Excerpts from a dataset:
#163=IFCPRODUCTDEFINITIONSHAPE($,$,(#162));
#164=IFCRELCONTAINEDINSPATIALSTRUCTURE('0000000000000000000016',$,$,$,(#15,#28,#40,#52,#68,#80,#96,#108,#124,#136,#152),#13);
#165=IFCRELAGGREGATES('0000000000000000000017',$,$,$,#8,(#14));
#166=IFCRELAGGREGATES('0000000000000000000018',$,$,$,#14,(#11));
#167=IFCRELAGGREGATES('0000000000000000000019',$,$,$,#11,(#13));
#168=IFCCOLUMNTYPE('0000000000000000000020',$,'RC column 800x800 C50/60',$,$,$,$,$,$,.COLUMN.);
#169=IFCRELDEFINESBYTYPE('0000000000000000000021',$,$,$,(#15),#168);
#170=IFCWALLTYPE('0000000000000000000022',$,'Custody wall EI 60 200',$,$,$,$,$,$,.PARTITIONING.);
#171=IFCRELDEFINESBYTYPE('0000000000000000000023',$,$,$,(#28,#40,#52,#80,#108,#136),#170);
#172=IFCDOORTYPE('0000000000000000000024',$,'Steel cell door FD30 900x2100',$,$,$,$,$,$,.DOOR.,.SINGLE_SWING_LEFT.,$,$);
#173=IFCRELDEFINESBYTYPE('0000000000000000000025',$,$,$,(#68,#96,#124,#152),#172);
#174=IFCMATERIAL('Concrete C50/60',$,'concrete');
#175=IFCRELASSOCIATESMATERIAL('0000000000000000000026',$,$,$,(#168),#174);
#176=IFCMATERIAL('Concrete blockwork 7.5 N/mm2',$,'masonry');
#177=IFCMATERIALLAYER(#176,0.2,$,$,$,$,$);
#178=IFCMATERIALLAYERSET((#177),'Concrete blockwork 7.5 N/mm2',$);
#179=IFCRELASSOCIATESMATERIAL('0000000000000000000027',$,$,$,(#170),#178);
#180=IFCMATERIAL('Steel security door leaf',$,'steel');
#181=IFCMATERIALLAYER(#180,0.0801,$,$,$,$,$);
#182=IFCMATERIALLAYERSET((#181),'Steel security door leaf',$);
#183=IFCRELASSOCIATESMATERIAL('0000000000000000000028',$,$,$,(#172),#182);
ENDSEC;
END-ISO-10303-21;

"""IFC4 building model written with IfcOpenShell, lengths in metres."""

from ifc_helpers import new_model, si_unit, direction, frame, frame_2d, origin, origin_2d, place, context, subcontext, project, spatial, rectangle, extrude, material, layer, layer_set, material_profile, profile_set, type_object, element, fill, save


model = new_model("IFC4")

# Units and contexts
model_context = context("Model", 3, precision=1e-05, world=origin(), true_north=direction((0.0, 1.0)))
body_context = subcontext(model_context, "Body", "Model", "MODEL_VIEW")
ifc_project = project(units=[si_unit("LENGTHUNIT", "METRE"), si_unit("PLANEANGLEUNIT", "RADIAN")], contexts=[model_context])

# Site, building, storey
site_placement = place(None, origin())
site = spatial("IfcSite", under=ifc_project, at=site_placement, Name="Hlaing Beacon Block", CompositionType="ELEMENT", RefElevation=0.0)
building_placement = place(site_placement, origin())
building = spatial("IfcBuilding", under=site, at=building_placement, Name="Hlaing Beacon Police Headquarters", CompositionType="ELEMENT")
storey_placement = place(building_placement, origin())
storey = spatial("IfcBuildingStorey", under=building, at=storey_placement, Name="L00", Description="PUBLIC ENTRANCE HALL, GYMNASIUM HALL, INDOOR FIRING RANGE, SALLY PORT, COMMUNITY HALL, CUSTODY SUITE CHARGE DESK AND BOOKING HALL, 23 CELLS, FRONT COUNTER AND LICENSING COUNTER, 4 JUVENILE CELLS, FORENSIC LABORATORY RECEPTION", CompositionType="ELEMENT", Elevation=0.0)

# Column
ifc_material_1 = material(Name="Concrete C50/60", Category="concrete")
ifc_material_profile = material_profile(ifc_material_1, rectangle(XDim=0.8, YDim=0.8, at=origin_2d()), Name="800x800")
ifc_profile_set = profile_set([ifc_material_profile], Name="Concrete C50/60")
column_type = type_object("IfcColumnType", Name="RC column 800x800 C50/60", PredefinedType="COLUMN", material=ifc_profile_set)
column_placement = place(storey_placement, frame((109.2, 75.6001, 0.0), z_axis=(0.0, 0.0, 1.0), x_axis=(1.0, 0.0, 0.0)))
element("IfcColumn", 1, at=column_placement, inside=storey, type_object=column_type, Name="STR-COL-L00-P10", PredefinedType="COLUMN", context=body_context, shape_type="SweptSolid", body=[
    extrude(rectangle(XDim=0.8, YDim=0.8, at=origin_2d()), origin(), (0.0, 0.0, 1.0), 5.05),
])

> **EXERCISE PROMPT**:
Look above for the line with "# Site, building, storey" and the line with "storey_placement = place(building_placement, origin())". Write out those two lines and all the lines between them, exactly, and no others.

> **REPLY**:
# Site, building, storey
site_placement = place(None, origin())
site = spatial("IfcSite", under=ifc_project, at=site_placement, Name="Hlaing Beacon Block", CompositionType="ELEMENT", RefElevation=0.0)
building_placement = place(site_placement, origin())
building = spatial("IfcBuilding", under=site, at=building_placement, Name="Hlaing Beacon Police Headquarters", CompositionType="ELEMENT")
storey_placement = place(building_placement, origin())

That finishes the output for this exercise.